How to complete this task:
Nothing but a number is expected: the count of lines in the data below that include "IFCPOLYGONALFACESET".

Provided data:
╭──

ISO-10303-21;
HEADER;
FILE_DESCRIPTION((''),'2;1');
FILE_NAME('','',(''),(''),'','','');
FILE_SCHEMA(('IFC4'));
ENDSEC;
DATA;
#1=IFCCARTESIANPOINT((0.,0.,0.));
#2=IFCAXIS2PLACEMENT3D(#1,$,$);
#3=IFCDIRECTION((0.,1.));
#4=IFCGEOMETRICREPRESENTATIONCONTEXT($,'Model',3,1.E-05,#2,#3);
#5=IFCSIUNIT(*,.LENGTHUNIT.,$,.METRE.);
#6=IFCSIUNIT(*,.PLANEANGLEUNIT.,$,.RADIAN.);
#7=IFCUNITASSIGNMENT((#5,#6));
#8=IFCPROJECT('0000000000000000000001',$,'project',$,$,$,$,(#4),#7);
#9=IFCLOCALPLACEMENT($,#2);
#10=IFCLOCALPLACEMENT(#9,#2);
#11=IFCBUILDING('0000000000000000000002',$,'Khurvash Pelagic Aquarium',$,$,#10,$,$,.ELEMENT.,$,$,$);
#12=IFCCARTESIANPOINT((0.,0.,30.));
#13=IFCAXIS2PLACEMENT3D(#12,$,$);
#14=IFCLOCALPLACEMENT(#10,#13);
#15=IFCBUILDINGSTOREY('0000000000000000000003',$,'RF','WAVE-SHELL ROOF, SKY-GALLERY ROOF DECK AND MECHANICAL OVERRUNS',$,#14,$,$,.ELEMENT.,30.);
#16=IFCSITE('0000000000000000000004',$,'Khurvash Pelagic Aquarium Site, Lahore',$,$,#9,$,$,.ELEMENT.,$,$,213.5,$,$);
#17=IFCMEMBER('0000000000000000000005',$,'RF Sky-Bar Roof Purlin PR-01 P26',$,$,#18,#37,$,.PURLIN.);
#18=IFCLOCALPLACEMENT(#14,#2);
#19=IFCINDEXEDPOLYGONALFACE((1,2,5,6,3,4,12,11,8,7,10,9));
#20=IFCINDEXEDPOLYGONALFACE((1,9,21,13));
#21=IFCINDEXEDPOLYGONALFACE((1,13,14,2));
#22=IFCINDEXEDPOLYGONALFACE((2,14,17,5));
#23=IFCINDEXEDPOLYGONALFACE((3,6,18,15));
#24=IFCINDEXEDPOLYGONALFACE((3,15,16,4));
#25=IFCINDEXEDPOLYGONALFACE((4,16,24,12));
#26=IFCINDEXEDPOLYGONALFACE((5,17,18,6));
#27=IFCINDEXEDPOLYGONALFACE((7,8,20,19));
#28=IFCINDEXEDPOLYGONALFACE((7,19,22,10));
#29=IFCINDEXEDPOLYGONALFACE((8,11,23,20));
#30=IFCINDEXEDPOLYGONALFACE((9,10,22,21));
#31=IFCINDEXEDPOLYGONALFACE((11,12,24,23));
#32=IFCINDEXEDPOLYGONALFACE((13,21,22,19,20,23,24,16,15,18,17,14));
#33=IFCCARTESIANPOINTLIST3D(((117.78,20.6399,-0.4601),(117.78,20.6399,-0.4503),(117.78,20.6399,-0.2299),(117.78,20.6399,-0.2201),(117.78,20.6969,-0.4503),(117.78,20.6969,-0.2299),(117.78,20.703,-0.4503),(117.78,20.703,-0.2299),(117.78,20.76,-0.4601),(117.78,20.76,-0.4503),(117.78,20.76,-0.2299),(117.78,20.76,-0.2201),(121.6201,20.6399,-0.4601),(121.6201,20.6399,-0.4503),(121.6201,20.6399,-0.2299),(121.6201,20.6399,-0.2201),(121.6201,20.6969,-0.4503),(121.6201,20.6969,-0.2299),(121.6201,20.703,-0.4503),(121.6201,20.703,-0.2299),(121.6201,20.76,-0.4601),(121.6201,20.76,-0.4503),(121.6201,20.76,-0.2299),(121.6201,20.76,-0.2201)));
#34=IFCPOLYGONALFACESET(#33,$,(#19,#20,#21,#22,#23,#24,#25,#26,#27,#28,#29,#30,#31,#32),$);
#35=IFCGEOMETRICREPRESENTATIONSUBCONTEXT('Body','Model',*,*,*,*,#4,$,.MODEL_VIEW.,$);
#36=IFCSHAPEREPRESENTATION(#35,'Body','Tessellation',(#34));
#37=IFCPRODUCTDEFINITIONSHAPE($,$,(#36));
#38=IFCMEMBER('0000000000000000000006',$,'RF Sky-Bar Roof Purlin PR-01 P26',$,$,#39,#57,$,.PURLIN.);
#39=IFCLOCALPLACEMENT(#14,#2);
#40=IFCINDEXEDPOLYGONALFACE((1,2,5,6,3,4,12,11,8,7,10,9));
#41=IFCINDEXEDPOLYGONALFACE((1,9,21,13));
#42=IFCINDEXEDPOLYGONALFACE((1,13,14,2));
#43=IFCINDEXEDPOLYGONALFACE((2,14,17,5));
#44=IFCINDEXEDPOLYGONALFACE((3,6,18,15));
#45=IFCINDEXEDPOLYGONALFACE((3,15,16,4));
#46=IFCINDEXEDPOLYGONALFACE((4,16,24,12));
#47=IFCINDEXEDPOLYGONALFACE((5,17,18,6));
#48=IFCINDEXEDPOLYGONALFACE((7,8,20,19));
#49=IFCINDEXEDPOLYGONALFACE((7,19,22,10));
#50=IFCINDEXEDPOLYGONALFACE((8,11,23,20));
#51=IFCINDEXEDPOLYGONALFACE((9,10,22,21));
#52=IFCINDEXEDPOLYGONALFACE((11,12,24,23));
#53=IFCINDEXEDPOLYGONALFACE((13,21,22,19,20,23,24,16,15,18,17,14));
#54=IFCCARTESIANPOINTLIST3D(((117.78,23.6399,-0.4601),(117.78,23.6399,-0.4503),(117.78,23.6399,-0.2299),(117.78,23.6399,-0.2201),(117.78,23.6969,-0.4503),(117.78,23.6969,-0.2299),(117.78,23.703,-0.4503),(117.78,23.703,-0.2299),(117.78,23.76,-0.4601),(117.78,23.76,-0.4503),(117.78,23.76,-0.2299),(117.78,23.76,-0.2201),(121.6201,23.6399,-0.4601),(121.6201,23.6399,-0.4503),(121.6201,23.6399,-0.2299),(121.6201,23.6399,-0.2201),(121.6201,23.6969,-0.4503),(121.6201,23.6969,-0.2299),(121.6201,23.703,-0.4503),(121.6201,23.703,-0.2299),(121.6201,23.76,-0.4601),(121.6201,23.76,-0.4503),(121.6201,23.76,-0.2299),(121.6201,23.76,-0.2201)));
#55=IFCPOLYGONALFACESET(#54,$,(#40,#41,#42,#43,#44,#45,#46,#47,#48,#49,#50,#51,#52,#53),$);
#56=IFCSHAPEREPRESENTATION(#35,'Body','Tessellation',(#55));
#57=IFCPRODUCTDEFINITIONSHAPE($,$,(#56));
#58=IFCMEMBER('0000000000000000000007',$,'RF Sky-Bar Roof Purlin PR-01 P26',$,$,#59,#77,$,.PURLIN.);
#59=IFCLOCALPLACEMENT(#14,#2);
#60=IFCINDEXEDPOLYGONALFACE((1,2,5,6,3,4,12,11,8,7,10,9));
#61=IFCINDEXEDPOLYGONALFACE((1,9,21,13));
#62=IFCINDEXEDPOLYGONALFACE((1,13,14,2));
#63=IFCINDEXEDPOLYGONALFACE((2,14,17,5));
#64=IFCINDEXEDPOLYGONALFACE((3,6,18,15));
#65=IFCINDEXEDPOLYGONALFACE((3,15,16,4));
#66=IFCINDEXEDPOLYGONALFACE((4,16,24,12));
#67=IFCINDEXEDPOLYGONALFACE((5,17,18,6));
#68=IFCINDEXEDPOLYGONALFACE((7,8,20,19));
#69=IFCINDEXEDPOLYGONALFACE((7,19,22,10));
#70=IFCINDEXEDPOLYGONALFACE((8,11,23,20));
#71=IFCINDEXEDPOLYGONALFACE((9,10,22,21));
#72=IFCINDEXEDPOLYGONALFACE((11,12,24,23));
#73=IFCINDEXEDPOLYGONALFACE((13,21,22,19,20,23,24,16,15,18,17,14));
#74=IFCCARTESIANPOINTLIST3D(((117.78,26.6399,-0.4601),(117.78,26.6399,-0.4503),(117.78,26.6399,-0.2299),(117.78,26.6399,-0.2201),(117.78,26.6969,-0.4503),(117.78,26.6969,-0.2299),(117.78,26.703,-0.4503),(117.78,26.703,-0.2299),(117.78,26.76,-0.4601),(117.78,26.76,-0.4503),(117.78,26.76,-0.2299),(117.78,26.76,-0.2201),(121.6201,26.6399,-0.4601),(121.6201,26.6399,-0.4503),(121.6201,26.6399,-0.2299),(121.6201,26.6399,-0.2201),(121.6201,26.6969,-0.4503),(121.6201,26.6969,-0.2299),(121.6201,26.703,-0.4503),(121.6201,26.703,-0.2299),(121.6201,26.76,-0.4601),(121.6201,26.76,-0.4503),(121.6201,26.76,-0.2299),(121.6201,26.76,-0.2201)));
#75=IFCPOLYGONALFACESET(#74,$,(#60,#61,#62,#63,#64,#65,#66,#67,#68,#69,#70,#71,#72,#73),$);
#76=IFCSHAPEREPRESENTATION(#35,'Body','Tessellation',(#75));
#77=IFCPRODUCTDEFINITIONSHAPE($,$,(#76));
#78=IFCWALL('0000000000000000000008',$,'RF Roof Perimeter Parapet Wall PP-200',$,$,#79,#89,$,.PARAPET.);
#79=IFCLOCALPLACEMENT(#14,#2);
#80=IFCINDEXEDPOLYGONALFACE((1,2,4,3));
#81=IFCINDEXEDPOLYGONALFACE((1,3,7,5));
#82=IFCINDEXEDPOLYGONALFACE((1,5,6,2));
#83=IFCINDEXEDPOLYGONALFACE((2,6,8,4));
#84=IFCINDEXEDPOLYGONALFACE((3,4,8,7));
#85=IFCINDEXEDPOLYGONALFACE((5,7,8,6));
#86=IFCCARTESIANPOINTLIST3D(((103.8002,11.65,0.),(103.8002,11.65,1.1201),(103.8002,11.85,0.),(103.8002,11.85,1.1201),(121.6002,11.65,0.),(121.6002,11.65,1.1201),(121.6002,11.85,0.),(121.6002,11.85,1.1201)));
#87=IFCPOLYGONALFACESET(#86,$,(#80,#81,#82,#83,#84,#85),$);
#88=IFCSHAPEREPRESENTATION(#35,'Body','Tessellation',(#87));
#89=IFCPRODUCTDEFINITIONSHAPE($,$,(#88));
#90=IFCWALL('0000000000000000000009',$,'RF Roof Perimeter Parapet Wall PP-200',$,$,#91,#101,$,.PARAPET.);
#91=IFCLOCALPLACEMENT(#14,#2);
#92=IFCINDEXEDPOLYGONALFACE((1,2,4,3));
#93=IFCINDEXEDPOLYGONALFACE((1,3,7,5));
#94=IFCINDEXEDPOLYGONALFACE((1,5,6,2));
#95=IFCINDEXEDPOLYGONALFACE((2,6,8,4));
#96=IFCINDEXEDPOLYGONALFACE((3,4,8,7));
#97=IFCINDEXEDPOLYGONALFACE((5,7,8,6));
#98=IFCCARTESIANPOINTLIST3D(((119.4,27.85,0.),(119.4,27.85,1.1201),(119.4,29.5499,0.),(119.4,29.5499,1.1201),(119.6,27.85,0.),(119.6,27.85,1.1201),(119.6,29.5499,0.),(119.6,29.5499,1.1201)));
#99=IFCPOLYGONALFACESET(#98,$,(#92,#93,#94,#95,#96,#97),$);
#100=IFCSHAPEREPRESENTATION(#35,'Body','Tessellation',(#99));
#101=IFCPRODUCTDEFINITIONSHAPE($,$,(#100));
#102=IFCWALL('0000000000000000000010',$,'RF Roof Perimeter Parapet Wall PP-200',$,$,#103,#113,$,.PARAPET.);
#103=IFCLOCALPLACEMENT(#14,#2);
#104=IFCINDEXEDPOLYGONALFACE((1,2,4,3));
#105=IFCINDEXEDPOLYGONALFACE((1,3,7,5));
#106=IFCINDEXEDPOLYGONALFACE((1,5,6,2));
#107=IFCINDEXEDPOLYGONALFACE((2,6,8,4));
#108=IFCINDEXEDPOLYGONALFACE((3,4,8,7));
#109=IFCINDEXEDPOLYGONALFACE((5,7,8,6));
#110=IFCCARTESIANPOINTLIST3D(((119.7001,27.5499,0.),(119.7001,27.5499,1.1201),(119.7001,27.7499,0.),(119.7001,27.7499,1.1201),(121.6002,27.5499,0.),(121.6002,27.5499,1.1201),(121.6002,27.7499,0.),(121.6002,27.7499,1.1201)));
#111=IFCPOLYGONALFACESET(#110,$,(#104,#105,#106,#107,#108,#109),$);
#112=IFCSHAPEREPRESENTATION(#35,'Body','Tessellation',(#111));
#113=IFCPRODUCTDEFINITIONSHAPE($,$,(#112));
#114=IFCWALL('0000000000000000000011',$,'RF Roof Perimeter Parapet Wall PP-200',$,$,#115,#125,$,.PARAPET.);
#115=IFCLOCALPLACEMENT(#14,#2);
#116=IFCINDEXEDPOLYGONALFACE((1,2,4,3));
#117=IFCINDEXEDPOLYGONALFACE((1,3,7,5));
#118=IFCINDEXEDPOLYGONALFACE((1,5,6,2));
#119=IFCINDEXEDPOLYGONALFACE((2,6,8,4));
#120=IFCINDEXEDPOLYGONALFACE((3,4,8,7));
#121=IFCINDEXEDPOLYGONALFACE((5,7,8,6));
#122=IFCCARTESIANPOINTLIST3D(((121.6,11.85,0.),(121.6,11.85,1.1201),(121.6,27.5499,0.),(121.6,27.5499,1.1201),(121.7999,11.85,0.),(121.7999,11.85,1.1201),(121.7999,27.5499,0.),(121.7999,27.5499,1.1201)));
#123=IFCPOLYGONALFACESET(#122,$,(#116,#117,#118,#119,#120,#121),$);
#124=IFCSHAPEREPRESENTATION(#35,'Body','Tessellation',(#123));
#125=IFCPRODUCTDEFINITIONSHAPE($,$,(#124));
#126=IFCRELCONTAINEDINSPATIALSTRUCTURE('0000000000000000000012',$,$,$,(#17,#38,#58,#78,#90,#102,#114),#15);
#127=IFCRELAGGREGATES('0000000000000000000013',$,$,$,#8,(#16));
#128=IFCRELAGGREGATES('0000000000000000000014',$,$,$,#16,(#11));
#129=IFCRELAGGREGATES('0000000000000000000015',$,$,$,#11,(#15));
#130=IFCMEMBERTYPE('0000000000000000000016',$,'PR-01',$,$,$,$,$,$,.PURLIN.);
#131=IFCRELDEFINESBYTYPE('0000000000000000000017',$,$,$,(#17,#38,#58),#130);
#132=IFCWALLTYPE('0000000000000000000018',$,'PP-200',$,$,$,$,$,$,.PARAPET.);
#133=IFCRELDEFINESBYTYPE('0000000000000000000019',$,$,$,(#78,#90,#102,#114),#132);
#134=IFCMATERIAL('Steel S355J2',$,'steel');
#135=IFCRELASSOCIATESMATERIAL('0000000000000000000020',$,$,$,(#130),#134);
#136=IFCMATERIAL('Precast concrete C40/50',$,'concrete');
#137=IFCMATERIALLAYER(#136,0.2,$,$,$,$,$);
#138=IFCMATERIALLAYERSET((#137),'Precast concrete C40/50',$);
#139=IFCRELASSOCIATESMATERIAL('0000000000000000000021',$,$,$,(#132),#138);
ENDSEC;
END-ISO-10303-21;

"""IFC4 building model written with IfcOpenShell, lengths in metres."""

from ifc_helpers import new_model, si_unit, direction, frame, frame_2d, origin, origin_2d, place, context, subcontext, project, spatial, rectangle, i_section, extrude, material, layer, layer_set, material_profile, profile_set, type_object, element, save


model = new_model("IFC4")

# Units and contexts
model_context = context("Model", 3, precision=1e-05, world=origin(), true_north=direction((0.0, 1.0)))
body_context = subcontext(model_context, "Body", "Model", "MODEL_VIEW")
ifc_project = project(units=[si_unit("LENGTHUNIT", "METRE"), si_unit("PLANEANGLEUNIT", "RADIAN")], contexts=[model_context])

# Site, building, storey
site_placement = place(None, origin())
site = spatial("IfcSite", under=ifc_project, at=site_placement, Name="Khurvash Pelagic Aquarium Site, Lahore", CompositionType="ELEMENT", RefElevation=213.5)
building_placement = place(site_placement, origin())
building = spatial("IfcBuilding", under=site, at=building_placement, Name="Khurvash Pelagic Aquarium", CompositionType="ELEMENT")
storey_placement = place(building_placement, frame((0.0, 0.0, 30.0)))
storey = spatial("IfcBuildingStorey", under=building, at=storey_placement, Name="RF", Description="WAVE-SHELL ROOF, SKY-GALLERY ROOF DECK AND MECHANICAL OVERRUNS", CompositionType="ELEMENT", Elevation=30.0)

# Members
ifc_material_1 = material(Name="Steel S355J2", Category="steel")
ifc_material_profile_1 = material_profile(ifc_material_1, i_section(OverallWidth=0.1201, OverallDepth=0.24, WebThickness=0.0061, FlangeThickness=0.0098, at=origin_2d()), Name="IPE240")
ifc_profile_set_1 = profile_set([ifc_material_profile_1], Name="Steel S355J2")
member_type = type_object("IfcMemberType", Name="PR-01", PredefinedType="PURLIN", material=ifc_profile_set_1)
for number, where, z_axis, x_axis, name in (
    (1, (117.78, 20.7, -0.3401), (1.0, 0.0, 0.0), (0.0, 1.0, 0.0), "RF Sky-Bar Roof Purlin PR-01 P26"),
    (2, (117.78, 23.7, -0.3401), (1.0, 0.0, 0.0), (0.0, 1.0, 0.0), "RF Sky-Bar Roof Purlin PR-01 P26"),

╰──

Result for this task:
7